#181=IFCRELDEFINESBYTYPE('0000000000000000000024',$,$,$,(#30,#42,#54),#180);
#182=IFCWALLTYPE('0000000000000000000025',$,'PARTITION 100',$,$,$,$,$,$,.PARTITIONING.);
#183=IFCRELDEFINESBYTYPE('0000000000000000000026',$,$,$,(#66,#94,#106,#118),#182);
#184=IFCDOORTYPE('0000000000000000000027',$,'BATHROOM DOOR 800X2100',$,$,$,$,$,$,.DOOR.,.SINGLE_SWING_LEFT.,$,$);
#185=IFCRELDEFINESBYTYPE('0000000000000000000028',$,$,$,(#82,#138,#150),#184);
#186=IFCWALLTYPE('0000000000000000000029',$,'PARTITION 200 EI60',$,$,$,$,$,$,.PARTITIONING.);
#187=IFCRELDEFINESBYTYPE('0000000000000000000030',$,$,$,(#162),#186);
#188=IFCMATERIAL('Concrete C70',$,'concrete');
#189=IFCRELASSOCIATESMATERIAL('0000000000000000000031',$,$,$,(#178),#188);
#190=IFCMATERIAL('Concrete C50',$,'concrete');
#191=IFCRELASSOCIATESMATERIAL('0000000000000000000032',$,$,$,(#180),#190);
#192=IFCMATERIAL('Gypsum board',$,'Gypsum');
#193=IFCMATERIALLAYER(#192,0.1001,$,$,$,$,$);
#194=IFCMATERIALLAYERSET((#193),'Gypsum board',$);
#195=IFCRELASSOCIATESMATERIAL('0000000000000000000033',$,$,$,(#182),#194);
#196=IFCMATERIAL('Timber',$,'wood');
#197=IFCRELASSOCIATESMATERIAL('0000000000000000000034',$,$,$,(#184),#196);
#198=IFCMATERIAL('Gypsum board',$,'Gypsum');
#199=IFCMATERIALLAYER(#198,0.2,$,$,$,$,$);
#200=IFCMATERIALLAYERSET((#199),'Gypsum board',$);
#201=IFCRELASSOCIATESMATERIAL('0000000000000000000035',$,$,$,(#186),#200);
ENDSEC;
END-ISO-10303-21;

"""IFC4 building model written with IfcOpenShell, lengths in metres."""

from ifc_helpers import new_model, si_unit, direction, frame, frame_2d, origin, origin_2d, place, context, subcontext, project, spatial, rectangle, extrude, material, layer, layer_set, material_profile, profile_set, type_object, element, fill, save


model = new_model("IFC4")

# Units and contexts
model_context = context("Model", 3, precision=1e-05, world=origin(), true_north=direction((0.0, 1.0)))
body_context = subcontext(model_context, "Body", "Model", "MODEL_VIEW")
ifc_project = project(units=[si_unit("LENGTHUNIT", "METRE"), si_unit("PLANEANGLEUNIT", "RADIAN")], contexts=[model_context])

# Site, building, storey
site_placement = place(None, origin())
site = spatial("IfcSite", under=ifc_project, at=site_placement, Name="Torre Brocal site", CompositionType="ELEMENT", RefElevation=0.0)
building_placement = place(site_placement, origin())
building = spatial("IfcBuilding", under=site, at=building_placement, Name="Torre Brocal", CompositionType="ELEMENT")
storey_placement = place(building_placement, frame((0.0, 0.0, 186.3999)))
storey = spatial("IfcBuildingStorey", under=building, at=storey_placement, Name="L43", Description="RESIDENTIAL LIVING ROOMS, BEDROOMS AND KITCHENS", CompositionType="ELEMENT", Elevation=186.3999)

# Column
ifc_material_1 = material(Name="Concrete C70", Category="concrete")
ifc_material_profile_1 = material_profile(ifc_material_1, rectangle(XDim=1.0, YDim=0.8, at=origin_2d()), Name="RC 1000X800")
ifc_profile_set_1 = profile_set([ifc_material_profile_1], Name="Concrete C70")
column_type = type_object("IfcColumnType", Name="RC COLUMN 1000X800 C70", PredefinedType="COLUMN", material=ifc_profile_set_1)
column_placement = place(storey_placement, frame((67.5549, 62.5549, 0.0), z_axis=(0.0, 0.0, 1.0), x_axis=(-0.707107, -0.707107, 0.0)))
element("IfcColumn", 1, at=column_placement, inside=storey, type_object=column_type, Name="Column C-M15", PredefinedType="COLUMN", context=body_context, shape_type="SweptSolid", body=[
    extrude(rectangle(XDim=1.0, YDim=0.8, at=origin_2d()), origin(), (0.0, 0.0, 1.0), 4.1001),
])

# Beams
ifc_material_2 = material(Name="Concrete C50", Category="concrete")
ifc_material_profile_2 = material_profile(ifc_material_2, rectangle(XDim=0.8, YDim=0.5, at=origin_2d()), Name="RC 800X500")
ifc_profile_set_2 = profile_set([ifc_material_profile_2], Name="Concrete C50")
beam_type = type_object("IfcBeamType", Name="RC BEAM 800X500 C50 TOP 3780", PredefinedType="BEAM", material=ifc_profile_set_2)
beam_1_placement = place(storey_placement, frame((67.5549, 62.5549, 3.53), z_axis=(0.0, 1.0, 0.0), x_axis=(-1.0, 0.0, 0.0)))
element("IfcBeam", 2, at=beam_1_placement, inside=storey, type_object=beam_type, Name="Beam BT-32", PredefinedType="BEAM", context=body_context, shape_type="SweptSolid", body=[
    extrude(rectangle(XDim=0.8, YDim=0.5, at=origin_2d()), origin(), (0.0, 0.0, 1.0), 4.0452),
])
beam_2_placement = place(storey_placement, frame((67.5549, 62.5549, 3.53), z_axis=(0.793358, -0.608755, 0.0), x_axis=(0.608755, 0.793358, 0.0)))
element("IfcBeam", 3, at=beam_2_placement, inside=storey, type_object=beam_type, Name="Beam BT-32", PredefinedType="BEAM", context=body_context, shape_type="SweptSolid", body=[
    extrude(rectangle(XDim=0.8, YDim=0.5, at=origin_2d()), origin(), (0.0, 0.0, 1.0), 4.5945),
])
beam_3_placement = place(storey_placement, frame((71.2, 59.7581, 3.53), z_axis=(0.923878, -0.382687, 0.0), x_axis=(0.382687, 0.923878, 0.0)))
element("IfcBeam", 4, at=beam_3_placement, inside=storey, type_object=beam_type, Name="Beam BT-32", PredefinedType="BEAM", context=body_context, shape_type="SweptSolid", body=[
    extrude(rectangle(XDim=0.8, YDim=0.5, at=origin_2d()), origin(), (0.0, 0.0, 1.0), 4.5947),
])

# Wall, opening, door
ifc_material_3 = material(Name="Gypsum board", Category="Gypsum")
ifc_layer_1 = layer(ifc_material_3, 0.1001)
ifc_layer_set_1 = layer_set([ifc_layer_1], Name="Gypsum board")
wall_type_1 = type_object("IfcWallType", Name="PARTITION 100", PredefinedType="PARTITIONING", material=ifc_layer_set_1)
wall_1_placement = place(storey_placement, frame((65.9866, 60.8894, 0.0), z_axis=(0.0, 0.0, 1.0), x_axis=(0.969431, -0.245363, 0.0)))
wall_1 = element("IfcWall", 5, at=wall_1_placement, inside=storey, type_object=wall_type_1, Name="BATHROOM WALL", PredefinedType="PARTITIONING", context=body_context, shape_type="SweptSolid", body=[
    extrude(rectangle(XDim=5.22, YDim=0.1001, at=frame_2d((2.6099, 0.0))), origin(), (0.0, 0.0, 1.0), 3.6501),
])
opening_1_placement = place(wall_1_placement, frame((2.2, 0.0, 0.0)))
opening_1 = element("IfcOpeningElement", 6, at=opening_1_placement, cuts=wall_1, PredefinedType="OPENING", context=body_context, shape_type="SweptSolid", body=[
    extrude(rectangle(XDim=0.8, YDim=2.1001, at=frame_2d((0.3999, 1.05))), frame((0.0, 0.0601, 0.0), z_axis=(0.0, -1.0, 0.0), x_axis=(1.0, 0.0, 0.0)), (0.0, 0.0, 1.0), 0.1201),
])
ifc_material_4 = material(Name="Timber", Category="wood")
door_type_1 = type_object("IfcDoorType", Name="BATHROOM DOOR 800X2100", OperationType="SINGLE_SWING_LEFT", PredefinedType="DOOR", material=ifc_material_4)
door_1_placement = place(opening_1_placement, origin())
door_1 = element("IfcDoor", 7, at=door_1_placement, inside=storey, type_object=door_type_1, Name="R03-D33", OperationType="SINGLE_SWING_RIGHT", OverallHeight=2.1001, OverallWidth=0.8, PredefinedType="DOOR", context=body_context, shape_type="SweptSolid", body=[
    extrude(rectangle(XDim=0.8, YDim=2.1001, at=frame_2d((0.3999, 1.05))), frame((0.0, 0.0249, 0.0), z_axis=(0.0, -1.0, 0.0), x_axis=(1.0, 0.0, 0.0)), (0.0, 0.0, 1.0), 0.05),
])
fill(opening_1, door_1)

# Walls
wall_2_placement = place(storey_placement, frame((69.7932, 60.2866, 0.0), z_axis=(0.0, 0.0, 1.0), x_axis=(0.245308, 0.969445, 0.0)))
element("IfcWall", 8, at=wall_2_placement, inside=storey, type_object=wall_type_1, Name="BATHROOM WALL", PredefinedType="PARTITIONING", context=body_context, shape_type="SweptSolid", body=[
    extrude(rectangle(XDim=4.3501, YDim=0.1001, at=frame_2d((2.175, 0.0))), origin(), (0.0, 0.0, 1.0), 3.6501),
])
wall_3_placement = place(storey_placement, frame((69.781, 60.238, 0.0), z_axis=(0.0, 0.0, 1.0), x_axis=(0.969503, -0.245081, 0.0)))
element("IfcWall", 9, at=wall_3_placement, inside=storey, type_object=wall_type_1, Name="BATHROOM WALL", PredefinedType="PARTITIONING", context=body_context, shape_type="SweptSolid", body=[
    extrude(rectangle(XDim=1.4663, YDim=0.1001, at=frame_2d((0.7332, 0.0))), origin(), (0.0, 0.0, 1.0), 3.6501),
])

YOUR ASSIGNMENT
Using the records above, gather all lines where the string "IFCMATERIALLAYERSET" is present.

EXERCISE RESPONSE
#194=IFCMATERIALLAYERSET((#193),'Gypsum board',$);
#200=IFCMATERIALLAYERSET((#199),'Gypsum board',$);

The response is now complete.